PROVIDED MATERIAL:

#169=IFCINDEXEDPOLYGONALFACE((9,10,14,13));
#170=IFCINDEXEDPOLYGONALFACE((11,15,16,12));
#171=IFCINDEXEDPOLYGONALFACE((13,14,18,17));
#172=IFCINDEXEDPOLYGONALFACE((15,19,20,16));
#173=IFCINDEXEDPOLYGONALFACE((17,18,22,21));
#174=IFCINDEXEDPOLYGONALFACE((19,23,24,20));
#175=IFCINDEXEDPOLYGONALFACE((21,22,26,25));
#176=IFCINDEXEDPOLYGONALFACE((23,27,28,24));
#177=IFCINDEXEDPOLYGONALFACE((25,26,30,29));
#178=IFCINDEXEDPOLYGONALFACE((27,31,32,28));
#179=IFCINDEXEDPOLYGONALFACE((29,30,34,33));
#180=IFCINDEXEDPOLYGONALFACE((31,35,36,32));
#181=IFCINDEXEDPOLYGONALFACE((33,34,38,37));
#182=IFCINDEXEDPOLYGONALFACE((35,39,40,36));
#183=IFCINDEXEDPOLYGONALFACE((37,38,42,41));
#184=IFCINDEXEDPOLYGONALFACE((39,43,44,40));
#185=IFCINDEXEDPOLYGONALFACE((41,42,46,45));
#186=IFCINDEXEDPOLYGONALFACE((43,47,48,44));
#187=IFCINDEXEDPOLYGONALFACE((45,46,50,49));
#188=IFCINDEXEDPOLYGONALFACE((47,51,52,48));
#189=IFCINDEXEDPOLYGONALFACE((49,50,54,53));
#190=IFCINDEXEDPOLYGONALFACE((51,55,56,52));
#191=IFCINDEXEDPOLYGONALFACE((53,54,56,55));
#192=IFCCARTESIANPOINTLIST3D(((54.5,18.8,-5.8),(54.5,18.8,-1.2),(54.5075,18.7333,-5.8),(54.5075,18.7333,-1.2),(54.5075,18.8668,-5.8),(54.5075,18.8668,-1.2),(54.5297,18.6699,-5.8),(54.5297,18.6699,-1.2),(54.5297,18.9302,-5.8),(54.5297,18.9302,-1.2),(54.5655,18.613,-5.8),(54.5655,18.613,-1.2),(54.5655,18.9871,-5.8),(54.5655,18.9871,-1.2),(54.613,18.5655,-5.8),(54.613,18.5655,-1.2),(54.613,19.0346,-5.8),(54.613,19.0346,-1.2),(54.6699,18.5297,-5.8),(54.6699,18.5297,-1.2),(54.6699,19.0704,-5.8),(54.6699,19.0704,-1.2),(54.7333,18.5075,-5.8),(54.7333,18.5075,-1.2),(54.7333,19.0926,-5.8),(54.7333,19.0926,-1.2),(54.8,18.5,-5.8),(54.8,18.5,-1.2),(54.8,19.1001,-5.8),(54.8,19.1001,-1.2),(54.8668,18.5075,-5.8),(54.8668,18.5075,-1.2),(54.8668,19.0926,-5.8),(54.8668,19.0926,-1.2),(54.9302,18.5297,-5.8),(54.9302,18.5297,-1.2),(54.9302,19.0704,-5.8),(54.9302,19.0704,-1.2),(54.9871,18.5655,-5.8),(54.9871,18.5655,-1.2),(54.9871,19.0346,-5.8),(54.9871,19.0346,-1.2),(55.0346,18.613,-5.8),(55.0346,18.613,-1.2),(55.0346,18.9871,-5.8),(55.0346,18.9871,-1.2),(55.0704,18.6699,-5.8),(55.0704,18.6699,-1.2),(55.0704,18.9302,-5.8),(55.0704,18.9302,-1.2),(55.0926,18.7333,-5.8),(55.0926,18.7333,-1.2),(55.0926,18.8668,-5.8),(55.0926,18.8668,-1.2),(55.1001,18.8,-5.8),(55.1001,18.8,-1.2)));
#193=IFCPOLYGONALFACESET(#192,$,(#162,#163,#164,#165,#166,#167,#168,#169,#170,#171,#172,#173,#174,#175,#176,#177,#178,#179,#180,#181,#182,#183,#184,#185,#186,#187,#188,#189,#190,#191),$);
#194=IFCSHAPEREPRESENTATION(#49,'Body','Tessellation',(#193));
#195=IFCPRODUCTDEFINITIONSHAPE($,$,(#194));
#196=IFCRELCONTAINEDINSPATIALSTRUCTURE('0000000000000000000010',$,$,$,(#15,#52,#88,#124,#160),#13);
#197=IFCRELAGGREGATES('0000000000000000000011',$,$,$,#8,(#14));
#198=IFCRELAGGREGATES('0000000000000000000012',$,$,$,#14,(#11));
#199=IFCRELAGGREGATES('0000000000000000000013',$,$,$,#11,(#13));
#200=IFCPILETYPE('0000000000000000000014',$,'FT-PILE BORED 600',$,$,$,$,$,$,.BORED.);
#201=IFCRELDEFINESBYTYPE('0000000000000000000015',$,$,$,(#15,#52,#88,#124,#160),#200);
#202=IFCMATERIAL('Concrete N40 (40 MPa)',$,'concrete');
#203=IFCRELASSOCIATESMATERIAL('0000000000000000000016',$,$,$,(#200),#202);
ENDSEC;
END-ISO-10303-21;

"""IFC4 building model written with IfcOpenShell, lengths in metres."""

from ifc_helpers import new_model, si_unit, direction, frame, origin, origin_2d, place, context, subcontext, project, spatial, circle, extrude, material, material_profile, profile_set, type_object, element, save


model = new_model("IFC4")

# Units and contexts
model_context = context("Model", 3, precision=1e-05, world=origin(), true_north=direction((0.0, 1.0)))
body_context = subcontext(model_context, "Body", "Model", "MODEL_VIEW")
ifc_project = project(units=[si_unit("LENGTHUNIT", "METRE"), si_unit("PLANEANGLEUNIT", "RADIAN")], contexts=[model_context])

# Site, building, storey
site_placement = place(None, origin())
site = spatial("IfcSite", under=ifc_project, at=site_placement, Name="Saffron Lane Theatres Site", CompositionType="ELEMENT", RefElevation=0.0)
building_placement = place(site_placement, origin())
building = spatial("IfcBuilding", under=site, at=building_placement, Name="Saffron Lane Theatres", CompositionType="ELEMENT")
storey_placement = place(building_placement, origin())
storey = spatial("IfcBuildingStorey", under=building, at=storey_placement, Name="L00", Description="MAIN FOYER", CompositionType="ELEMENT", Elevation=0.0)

EXERCISE DESCRIPTION: Copy exactly the lines above, starting at the opening line and finishing at the line in which "#185=IFCINDEXEDPOLYGONALFACE((41,42,46,45));" occurs.

WORKED SOLUTION:
#169=IFCINDEXEDPOLYGONALFACE((9,10,14,13));
#170=IFCINDEXEDPOLYGONALFACE((11,15,16,12));
#171=IFCINDEXEDPOLYGONALFACE((13,14,18,17));
#172=IFCINDEXEDPOLYGONALFACE((15,19,20,16));
#173=IFCINDEXEDPOLYGONALFACE((17,18,22,21));
#174=IFCINDEXEDPOLYGONALFACE((19,23,24,20));
#175=IFCINDEXEDPOLYGONALFACE((21,22,26,25));
#176=IFCINDEXEDPOLYGONALFACE((23,27,28,24));
#177=IFCINDEXEDPOLYGONALFACE((25,26,30,29));
#178=IFCINDEXEDPOLYGONALFACE((27,31,32,28));
#179=IFCINDEXEDPOLYGONALFACE((29,30,34,33));
#180=IFCINDEXEDPOLYGONALFACE((31,35,36,32));
#181=IFCINDEXEDPOLYGONALFACE((33,34,38,37));
#182=IFCINDEXEDPOLYGONALFACE((35,39,40,36));
#183=IFCINDEXEDPOLYGONALFACE((37,38,42,41));
#184=IFCINDEXEDPOLYGONALFACE((39,43,44,40));
#185=IFCINDEXEDPOLYGONALFACE((41,42,46,45));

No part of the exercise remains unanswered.